▸ **INFORMATION SHOWN**

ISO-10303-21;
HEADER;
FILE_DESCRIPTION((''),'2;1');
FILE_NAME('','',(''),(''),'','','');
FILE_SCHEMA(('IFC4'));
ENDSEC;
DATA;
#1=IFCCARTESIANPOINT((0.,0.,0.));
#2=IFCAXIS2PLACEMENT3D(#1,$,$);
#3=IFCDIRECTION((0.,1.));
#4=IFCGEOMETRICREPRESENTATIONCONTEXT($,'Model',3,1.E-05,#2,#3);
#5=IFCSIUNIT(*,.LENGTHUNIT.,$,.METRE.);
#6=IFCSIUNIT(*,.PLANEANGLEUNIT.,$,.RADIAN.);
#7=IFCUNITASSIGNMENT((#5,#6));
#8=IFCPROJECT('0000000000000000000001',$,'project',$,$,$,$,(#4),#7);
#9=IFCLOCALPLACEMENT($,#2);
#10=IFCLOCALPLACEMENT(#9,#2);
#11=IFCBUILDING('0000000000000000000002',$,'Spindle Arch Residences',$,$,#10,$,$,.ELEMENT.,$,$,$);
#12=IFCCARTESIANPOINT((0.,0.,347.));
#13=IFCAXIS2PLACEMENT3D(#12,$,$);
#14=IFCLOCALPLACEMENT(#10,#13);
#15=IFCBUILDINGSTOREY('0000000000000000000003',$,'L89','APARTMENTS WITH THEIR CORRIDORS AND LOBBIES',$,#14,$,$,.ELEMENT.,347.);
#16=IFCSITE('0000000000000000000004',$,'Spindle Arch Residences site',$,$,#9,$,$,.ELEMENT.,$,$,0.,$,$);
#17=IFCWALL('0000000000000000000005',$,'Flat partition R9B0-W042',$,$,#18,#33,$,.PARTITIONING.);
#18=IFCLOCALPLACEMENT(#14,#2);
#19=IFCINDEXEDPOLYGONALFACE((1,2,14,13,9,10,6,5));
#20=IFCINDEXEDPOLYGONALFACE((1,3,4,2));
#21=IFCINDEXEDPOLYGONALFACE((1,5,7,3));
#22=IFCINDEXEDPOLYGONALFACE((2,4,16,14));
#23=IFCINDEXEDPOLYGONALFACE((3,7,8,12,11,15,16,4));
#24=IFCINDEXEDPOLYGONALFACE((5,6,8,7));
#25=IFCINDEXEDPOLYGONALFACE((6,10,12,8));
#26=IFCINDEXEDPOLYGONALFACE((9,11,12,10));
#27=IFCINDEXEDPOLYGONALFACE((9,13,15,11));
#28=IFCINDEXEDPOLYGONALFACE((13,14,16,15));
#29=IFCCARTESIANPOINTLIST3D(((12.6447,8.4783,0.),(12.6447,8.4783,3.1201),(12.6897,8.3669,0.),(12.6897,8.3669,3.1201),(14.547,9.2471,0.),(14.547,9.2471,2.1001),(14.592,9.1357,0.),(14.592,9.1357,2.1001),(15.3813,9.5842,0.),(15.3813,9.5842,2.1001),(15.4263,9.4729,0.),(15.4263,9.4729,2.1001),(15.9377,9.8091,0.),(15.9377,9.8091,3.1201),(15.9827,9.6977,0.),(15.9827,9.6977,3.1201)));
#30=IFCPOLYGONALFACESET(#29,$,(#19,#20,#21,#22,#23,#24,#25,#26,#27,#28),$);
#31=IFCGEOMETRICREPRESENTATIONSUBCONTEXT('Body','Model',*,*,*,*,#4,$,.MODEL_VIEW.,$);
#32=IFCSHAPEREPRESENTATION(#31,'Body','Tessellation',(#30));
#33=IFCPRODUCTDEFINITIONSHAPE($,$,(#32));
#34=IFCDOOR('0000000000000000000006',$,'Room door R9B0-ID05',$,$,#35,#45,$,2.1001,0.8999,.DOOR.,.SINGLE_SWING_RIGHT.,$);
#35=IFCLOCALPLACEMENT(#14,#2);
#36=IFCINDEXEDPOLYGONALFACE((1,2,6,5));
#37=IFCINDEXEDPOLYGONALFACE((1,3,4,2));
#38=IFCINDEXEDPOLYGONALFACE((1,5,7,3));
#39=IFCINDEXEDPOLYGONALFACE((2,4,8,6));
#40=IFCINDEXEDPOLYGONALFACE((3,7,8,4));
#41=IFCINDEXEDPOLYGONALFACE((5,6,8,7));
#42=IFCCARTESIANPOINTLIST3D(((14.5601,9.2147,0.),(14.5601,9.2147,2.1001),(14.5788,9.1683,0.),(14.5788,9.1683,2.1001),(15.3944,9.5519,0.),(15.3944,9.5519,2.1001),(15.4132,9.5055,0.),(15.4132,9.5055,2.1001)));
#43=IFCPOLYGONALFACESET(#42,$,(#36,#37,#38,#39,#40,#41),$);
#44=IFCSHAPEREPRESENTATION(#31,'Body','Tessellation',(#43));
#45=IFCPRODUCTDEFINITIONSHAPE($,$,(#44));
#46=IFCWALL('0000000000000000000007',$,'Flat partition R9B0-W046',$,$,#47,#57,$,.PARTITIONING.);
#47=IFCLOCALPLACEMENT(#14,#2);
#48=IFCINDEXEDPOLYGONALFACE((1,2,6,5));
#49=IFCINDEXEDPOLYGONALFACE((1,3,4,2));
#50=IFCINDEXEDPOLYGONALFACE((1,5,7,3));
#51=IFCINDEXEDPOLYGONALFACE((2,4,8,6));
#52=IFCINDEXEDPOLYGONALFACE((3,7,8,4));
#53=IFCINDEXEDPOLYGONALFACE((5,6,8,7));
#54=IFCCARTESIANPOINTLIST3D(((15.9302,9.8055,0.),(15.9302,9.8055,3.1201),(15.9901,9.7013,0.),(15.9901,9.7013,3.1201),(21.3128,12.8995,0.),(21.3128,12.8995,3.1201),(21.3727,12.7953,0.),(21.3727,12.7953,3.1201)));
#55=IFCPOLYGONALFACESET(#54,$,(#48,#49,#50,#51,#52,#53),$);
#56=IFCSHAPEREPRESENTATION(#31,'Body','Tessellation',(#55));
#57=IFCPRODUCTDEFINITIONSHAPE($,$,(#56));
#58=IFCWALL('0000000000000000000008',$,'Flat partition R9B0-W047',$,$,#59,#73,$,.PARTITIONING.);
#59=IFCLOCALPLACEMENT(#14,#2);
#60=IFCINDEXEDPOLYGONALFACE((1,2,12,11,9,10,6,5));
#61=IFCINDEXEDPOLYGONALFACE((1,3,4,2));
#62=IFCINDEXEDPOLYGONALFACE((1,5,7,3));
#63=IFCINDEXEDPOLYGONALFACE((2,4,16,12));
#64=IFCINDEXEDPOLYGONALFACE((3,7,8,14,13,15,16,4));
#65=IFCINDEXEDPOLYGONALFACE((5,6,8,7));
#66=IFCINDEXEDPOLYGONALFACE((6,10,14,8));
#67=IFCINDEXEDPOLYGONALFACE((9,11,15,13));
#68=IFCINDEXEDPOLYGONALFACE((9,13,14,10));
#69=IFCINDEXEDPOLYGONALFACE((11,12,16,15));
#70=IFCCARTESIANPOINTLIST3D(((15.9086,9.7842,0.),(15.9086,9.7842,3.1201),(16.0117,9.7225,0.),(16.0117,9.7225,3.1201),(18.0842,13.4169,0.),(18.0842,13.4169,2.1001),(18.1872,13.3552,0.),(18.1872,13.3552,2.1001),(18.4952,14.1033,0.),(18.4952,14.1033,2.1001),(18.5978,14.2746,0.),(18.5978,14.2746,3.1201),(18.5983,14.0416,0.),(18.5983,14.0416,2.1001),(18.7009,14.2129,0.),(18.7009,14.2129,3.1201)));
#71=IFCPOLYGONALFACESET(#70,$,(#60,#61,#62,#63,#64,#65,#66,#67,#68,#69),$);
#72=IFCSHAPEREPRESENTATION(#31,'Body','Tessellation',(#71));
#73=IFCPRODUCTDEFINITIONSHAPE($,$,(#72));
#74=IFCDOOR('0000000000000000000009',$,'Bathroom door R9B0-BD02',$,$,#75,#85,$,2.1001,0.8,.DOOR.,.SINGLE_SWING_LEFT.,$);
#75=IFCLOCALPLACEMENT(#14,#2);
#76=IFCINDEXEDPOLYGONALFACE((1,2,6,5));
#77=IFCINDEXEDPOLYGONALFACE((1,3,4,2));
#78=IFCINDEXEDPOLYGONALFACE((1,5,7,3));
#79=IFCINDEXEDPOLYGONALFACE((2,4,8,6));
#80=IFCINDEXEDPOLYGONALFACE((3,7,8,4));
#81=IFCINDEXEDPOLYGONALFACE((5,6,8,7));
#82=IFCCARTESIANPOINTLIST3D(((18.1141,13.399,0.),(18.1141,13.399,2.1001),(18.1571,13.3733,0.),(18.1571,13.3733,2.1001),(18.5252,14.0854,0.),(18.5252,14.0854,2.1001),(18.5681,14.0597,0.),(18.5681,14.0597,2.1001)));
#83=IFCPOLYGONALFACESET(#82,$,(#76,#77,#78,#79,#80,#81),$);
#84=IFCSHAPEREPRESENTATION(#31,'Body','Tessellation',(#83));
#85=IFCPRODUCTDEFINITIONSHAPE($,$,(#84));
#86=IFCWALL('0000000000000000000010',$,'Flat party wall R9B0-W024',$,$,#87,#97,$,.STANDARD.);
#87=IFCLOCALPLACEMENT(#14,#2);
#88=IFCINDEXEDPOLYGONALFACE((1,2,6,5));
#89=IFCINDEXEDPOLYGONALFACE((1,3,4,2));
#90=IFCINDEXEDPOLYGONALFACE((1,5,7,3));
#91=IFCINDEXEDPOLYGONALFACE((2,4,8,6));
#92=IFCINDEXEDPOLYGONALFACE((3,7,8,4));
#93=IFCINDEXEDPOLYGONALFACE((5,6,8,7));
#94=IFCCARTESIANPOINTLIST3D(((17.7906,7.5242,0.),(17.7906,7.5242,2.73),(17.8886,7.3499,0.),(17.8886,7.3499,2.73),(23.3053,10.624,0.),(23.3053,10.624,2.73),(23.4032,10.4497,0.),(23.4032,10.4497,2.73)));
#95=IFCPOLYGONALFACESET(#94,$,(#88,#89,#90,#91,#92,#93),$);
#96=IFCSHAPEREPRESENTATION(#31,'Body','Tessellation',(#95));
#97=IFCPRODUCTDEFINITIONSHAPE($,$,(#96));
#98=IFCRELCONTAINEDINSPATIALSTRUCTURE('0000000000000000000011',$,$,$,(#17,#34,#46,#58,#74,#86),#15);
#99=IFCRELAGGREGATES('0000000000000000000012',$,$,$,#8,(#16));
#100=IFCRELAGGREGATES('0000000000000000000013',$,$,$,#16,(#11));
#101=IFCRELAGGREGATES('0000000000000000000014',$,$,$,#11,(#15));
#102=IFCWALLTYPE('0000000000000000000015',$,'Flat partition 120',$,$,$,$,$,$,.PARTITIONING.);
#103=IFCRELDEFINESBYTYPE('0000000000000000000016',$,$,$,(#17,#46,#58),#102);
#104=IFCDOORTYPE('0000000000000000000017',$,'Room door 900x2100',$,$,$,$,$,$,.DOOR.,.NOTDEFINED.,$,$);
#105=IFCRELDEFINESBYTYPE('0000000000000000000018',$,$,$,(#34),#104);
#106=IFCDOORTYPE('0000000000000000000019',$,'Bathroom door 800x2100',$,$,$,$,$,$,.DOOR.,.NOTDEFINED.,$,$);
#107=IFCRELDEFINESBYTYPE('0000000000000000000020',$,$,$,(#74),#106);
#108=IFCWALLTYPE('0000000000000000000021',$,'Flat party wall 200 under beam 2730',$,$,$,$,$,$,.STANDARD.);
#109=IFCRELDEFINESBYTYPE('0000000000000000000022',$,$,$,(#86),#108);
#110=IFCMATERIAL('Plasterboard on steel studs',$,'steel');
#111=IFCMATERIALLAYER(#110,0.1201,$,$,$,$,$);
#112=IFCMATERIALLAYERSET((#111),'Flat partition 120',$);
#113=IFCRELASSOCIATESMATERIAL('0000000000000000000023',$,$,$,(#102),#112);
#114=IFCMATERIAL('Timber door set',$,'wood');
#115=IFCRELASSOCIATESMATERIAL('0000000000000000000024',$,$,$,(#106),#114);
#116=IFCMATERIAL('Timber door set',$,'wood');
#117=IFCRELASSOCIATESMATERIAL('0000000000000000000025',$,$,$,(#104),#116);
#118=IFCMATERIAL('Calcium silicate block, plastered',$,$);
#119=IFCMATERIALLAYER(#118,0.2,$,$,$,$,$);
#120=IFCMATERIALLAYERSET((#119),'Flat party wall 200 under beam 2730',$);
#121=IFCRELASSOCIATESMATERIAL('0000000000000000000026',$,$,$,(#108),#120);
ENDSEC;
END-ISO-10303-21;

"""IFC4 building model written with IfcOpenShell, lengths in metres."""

from ifc_helpers import new_model, si_unit, direction, frame, frame_2d, origin, place, context, subcontext, project, spatial, rectangle, extrude, material, layer, layer_set, type_object, element, fill, save


model = new_model("IFC4")

# Units and contexts
model_context = context("Model", 3, precision=1e-05, world=origin(), true_north=direction((0.0, 1.0)))
body_context = subcontext(model_context, "Body", "Model", "MODEL_VIEW")
ifc_project = project(units=[si_unit("LENGTHUNIT", "METRE"), si_unit("PLANEANGLEUNIT", "RADIAN")], contexts=[model_context])

# Site, building, storey
site_placement = place(None, origin())
site = spatial("IfcSite", under=ifc_project, at=site_placement, Name="Spindle Arch Residences site", CompositionType="ELEMENT", RefElevation=0.0)
building_placement = place(site_placement, origin())
building = spatial("IfcBuilding", under=site, at=building_placement, Name="Spindle Arch Residences", CompositionType="ELEMENT")
storey_placement = place(building_placement, frame((0.0, 0.0, 347.0)))
storey = spatial("IfcBuildingStorey", under=building, at=storey_placement, Name="L89", Description="APARTMENTS WITH THEIR CORRIDORS AND LOBBIES", CompositionType="ELEMENT", Elevation=347.0)

# Wall, opening, door
ifc_material_1 = material(Name="Plasterboard on steel studs", Category="steel")
ifc_layer_1 = layer(ifc_material_1, 0.1201)
ifc_layer_set_1 = layer_set([ifc_layer_1], Name="Flat partition 120")
wall_type_1 = type_object("IfcWallType", Name="Flat partition 120", PredefinedType="PARTITIONING", material=ifc_layer_set_1)
ifc_material_2 = material(Name="Timber door set", Category="wood")
door_type_1 = type_object("IfcDoorType", Name="Bathroom door 800x2100", OperationType="NOTDEFINED", PredefinedType="DOOR", material=ifc_material_2)
wall_1_placement = place(storey_placement, frame((15.9602, 9.7534, 0.0), z_axis=(0.0, 0.0, 1.0), x_axis=(-0.927148, -0.374695, 0.0)))
wall_1 = element("IfcWall", 1, at=wall_1_placement, inside=storey, type_object=wall_type_1, Name="Flat partition R9B0-W042", PredefinedType="PARTITIONING", context=body_context, shape_type="SweptSolid", body=[
    extrude(rectangle(XDim=3.5518, YDim=0.1201, at=frame_2d((1.7759, 0.0))), origin(), (0.0, 0.0, 1.0), 3.1201),
])
opening_1_placement = place(wall_1_placement, frame((0.6001, 0.0, 0.0)))
opening_1 = element("IfcOpeningElement", 2, at=opening_1_placement, cuts=wall_1, PredefinedType="OPENING", context=body_context, shape_type="SweptSolid", body=[
    extrude(rectangle(XDim=0.8999, YDim=2.1001, at=frame_2d((0.45, 1.05))), frame((0.0, 0.0701, 0.0), z_axis=(0.0, -1.0, 0.0), x_axis=(1.0, 0.0, 0.0)), (0.0, 0.0, 1.0), 0.1401),
])
ifc_material_3 = material(Name="Timber door set", Category="wood")
door_type_2 = type_object("IfcDoorType", Name="Room door 900x2100", OperationType="NOTDEFINED", PredefinedType="DOOR", material=ifc_material_3)
door_1_placement = place(opening_1_placement, origin())
door_1 = element("IfcDoor", 3, at=door_1_placement, inside=storey, type_object=door_type_2, Name="Room door R9B0-ID05", OperationType="SINGLE_SWING_RIGHT", OverallHeight=2.1001, OverallWidth=0.8999, PredefinedType="DOOR", context=body_context, shape_type="SweptSolid", body=[
    extrude(rectangle(XDim=0.8999, YDim=2.1001, at=frame_2d((0.45, 1.05))), frame((0.0, 0.0249, 0.0), z_axis=(0.0, -1.0, 0.0), x_axis=(1.0, 0.0, 0.0)), (0.0, 0.0, 1.0), 0.05),
])
fill(opening_1, door_1)

# Wall
wall_2_placement = place(storey_placement, frame((21.3428, 12.8474, 0.0), z_axis=(0.0, 0.0, 1.0), x_axis=(-0.866975, -0.498352, 0.0)))
element("IfcWall", 4, at=wall_2_placement, inside=storey, type_object=wall_type_1, Name="Flat partition R9B0-W046", PredefinedType="PARTITIONING", context=body_context, shape_type="SweptSolid", body=[
    extrude(rectangle(XDim=6.2085, YDim=0.1201, at=frame_2d((3.1042, 0.0))), origin(), (0.0, 0.0, 1.0), 3.1201),
])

▸ **WHAT YOU ARE ASKED TO DO**
Take from the material above the lines running from the one with "#50=IFCINDEXEDPOLYGONALFACE((1,5,7,3));" through the one with "#53=IFCINDEXEDPOLYGONALFACE((5,6,8,7));", and repeat them exactly, with nothing else.

▸ **WRITTEN REPLY**
#50=IFCINDEXEDPOLYGONALFACE((1,5,7,3));
#51=IFCINDEXEDPOLYGONALFACE((2,4,8,6));
#52=IFCINDEXEDPOLYGONALFACE((3,7,8,4));
#53=IFCINDEXEDPOLYGONALFACE((5,6,8,7));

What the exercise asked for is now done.